--- TASK GOAL ---
The entries are to be given again in full. Every word must match.

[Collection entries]
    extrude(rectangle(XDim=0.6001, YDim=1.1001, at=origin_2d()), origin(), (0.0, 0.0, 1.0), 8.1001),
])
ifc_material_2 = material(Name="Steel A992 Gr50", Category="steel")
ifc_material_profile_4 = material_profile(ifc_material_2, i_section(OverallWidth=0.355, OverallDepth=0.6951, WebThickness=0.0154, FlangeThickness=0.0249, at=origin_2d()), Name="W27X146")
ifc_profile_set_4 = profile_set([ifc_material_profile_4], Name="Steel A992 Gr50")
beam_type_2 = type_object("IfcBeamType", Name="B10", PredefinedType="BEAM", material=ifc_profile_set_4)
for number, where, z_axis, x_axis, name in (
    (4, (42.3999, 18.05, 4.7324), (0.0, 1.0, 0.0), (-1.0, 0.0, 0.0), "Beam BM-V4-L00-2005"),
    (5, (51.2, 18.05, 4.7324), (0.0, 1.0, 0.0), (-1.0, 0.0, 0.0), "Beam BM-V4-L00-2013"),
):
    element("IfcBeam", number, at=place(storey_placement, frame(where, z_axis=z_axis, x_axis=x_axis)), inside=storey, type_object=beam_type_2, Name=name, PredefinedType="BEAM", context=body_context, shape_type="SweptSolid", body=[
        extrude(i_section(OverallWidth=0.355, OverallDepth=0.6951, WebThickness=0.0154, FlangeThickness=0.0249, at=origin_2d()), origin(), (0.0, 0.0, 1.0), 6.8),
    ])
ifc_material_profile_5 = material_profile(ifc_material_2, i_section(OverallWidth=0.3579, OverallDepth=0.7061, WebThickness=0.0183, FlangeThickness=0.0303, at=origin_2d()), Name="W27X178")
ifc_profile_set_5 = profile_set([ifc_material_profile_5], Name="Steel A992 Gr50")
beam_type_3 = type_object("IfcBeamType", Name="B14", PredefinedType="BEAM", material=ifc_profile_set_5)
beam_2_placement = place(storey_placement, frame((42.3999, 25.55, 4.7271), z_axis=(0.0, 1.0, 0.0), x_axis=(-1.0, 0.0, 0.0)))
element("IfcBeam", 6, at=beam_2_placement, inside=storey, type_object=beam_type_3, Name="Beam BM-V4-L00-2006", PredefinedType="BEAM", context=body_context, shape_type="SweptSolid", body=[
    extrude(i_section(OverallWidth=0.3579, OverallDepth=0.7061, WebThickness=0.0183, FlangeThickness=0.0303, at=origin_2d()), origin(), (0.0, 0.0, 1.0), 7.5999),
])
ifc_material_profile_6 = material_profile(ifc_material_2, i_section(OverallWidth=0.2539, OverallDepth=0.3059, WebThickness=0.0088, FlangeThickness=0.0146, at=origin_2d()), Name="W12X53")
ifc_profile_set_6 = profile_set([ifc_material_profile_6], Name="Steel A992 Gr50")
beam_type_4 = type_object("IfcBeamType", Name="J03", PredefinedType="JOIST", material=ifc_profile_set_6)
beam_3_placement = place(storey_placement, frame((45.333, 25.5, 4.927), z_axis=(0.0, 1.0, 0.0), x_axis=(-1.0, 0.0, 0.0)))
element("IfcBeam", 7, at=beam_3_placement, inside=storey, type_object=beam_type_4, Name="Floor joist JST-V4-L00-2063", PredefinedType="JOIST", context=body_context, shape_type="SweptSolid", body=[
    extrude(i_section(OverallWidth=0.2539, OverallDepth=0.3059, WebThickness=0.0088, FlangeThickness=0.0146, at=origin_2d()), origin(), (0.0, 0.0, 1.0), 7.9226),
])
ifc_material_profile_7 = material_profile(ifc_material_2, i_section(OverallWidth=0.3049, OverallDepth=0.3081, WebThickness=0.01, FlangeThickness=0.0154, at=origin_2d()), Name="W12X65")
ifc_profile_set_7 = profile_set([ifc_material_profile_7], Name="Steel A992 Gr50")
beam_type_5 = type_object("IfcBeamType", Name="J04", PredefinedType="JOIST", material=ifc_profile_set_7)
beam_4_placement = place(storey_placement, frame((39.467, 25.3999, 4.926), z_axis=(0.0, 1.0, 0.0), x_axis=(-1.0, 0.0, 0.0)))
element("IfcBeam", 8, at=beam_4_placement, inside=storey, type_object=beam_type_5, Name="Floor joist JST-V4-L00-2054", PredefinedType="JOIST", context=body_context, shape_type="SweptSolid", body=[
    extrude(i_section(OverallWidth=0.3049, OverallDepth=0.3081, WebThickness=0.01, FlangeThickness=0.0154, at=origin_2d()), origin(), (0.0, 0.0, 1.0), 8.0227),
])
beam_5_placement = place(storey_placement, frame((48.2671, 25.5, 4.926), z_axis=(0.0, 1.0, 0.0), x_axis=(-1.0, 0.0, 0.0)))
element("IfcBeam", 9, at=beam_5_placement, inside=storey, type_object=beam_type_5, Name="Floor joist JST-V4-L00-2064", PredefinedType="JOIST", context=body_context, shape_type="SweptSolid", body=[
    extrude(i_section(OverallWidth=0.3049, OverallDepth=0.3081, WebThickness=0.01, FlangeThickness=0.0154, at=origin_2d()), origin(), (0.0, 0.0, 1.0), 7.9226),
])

--- REPLY ---
    extrude(rectangle(XDim=0.6001, YDim=1.1001, at=origin_2d()), origin(), (0.0, 0.0, 1.0), 8.1001),
])
ifc_material_2 = material(Name="Steel A992 Gr50", Category="steel")
ifc_material_profile_4 = material_profile(ifc_material_2, i_section(OverallWidth=0.355, OverallDepth=0.6951, WebThickness=0.0154, FlangeThickness=0.0249, at=origin_2d()), Name="W27X146")
ifc_profile_set_4 = profile_set([ifc_material_profile_4], Name="Steel A992 Gr50")
beam_type_2 = type_object("IfcBeamType", Name="B10", PredefinedType="BEAM", material=ifc_profile_set_4)
for number, where, z_axis, x_axis, name in (
    (4, (42.3999, 18.05, 4.7324), (0.0, 1.0, 0.0), (-1.0, 0.0, 0.0), "Beam BM-V4-L00-2005"),
    (5, (51.2, 18.05, 4.7324), (0.0, 1.0, 0.0), (-1.0, 0.0, 0.0), "Beam BM-V4-L00-2013"),
):
    element("IfcBeam", number, at=place(storey_placement, frame(where, z_axis=z_axis, x_axis=x_axis)), inside=storey, type_object=beam_type_2, Name=name, PredefinedType="BEAM", context=body_context, shape_type="SweptSolid", body=[
        extrude(i_section(OverallWidth=0.355, OverallDepth=0.6951, WebThickness=0.0154, FlangeThickness=0.0249, at=origin_2d()), origin(), (0.0, 0.0, 1.0), 6.8),
    ])
ifc_material_profile_5 = material_profile(ifc_material_2, i_section(OverallWidth=0.3579, OverallDepth=0.7061, WebThickness=0.0183, FlangeThickness=0.0303, at=origin_2d()), Name="W27X178")
ifc_profile_set_5 = profile_set([ifc_material_profile_5], Name="Steel A992 Gr50")
beam_type_3 = type_object("IfcBeamType", Name="B14", PredefinedType="BEAM", material=ifc_profile_set_5)
beam_2_placement = place(storey_placement, frame((42.3999, 25.55, 4.7271), z_axis=(0.0, 1.0, 0.0), x_axis=(-1.0, 0.0, 0.0)))
element("IfcBeam", 6, at=beam_2_placement, inside=storey, type_object=beam_type_3, Name="Beam BM-V4-L00-2006", PredefinedType="BEAM", context=body_context, shape_type="SweptSolid", body=[
    extrude(i_section(OverallWidth=0.3579, OverallDepth=0.7061, WebThickness=0.0183, FlangeThickness=0.0303, at=origin_2d()), origin(), (0.0, 0.0, 1.0), 7.5999),
])
ifc_material_profile_6 = material_profile(ifc_material_2, i_section(OverallWidth=0.2539, OverallDepth=0.3059, WebThickness=0.0088, FlangeThickness=0.0146, at=origin_2d()), Name="W12X53")
ifc_profile_set_6 = profile_set([ifc_material_profile_6], Name="Steel A992 Gr50")
beam_type_4 = type_object("IfcBeamType", Name="J03", PredefinedType="JOIST", material=ifc_profile_set_6)
beam_3_placement = place(storey_placement, frame((45.333, 25.5, 4.927), z_axis=(0.0, 1.0, 0.0), x_axis=(-1.0, 0.0, 0.0)))
element("IfcBeam", 7, at=beam_3_placement, inside=storey, type_object=beam_type_4, Name="Floor joist JST-V4-L00-2063", PredefinedType="JOIST", context=body_context, shape_type="SweptSolid", body=[
    extrude(i_section(OverallWidth=0.2539, OverallDepth=0.3059, WebThickness=0.0088, FlangeThickness=0.0146, at=origin_2d()), origin(), (0.0, 0.0, 1.0), 7.9226),
])
ifc_material_profile_7 = material_profile(ifc_material_2, i_section(OverallWidth=0.3049, OverallDepth=0.3081, WebThickness=0.01, FlangeThickness=0.0154, at=origin_2d()), Name="W12X65")
ifc_profile_set_7 = profile_set([ifc_material_profile_7], Name="Steel A992 Gr50")
beam_type_5 = type_object("IfcBeamType", Name="J04", PredefinedType="JOIST", material=ifc_profile_set_7)
beam_4_placement = place(storey_placement, frame((39.467, 25.3999, 4.926), z_axis=(0.0, 1.0, 0.0), x_axis=(-1.0, 0.0, 0.0)))
element("IfcBeam", 8, at=beam_4_placement, inside=storey, type_object=beam_type_5, Name="Floor joist JST-V4-L00-2054", PredefinedType="JOIST", context=body_context, shape_type="SweptSolid", body=[
    extrude(i_section(OverallWidth=0.3049, OverallDepth=0.3081, WebThickness=0.01, FlangeThickness=0.0154, at=origin_2d()), origin(), (0.0, 0.0, 1.0), 8.0227),
])
beam_5_placement = place(storey_placement, frame((48.2671, 25.5, 4.926), z_axis=(0.0, 1.0, 0.0), x_axis=(-1.0, 0.0, 0.0)))
element("IfcBeam", 9, at=beam_5_placement, inside=storey, type_object=beam_type_5, Name="Floor joist JST-V4-L00-2064", PredefinedType="JOIST", context=body_context, shape_type="SweptSolid", body=[
    extrude(i_section(OverallWidth=0.3049, OverallDepth=0.3081, WebThickness=0.01, FlangeThickness=0.0154, at=origin_2d()), origin(), (0.0, 0.0, 1.0), 7.9226),
])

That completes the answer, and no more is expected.